Work through the records that follow and return each line containing the word "import".
-- RECORDS FOR THIS TASK follows --
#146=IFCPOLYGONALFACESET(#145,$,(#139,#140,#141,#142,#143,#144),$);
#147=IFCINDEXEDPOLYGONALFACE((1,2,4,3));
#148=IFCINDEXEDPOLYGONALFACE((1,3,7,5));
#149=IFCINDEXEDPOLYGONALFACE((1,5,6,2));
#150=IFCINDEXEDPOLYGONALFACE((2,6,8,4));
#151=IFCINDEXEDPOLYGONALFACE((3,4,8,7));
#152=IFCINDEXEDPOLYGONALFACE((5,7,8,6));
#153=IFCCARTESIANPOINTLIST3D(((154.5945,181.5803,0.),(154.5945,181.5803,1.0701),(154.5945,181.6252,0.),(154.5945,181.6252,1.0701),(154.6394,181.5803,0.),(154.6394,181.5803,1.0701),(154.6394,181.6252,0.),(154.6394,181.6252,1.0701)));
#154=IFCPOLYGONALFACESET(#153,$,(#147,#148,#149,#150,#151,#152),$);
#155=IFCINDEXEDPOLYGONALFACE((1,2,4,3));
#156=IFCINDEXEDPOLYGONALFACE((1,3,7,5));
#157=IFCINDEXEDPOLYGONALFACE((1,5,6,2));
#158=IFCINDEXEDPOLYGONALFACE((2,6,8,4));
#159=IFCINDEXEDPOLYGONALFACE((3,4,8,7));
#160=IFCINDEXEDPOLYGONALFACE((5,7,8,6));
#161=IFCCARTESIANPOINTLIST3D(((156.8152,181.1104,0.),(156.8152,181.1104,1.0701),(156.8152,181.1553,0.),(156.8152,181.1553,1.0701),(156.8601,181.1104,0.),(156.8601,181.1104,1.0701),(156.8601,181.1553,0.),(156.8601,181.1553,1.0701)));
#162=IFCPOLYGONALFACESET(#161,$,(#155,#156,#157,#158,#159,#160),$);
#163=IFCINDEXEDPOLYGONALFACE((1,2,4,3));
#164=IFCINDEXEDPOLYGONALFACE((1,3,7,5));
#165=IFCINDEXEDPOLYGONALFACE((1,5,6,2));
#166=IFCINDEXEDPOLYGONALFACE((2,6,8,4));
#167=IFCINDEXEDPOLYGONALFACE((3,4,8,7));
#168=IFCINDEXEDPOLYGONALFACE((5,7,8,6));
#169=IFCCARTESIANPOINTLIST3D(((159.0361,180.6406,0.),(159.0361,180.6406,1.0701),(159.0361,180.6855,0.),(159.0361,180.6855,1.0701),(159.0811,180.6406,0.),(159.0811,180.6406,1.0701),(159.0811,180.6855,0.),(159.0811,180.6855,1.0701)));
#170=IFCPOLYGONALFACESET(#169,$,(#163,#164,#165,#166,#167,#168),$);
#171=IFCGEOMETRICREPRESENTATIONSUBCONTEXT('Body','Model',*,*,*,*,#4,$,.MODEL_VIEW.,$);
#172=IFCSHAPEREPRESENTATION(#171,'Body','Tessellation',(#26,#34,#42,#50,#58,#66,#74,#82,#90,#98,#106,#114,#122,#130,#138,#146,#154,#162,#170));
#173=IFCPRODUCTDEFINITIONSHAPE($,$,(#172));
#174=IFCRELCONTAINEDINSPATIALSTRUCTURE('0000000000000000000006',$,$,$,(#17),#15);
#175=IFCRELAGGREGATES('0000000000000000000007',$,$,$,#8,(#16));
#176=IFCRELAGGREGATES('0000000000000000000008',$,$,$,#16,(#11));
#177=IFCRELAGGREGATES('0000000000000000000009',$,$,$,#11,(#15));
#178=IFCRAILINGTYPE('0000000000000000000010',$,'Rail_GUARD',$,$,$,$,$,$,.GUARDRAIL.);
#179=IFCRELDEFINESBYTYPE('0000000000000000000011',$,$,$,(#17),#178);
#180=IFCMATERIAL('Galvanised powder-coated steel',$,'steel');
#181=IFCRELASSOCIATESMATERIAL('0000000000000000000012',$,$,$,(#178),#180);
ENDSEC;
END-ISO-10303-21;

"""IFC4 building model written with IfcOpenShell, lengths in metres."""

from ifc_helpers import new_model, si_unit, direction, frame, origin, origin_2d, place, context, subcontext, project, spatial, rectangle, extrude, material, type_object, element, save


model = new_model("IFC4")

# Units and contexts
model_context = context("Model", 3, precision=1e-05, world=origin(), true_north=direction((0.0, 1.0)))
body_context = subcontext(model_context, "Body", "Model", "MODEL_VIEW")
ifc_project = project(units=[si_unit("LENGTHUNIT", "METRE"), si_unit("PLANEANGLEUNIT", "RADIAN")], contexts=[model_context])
-- RECORDS FOR THIS TASK concluded --
-- RECORDS FOR THIS TASK follows --
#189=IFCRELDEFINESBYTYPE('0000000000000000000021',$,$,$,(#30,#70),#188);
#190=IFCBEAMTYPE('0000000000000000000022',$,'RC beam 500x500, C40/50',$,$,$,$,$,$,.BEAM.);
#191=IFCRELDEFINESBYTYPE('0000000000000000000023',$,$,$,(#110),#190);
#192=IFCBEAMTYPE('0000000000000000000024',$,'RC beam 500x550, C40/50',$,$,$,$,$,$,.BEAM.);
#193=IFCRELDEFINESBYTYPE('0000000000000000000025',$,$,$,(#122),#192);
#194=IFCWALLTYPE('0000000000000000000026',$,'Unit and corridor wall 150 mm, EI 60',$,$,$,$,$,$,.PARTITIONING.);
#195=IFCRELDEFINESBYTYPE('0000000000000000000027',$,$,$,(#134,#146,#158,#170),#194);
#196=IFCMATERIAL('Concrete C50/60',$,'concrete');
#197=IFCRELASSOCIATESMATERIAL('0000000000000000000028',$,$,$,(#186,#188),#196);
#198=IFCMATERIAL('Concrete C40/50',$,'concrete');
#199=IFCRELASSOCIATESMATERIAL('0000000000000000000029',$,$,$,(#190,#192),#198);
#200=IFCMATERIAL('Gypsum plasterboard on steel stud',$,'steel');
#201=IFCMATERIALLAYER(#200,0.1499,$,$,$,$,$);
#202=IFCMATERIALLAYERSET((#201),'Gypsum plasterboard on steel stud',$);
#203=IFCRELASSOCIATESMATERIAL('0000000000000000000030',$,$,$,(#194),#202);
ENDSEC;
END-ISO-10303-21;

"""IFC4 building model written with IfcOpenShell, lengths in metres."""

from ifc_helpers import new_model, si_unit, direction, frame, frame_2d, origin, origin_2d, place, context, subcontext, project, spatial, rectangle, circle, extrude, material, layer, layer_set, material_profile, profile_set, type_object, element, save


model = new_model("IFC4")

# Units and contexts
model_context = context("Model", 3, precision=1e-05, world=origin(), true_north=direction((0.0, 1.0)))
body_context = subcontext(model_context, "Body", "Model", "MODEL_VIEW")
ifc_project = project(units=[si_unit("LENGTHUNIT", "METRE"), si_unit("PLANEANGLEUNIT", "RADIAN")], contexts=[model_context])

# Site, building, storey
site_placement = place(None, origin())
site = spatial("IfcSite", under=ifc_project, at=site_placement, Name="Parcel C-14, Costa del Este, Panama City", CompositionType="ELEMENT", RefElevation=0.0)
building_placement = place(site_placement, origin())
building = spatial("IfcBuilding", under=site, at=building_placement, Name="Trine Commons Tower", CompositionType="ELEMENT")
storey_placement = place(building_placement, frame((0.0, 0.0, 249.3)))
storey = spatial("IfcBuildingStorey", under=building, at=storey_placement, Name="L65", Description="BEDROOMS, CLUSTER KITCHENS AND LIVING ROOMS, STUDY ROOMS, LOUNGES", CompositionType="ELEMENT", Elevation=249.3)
-- RECORDS FOR THIS TASK concluded --
*EXPECTED ANSWER*
from ifc_helpers import new_model, si_unit, direction, frame, origin, origin_2d, place, context, subcontext, project, spatial, rectangle, extrude, material, type_object, element, save
from ifc_helpers import new_model, si_unit, direction, frame, frame_2d, origin, origin_2d, place, context, subcontext, project, spatial, rectangle, circle, extrude, material, layer, layer_set, material_profile, profile_set, type_object, element, save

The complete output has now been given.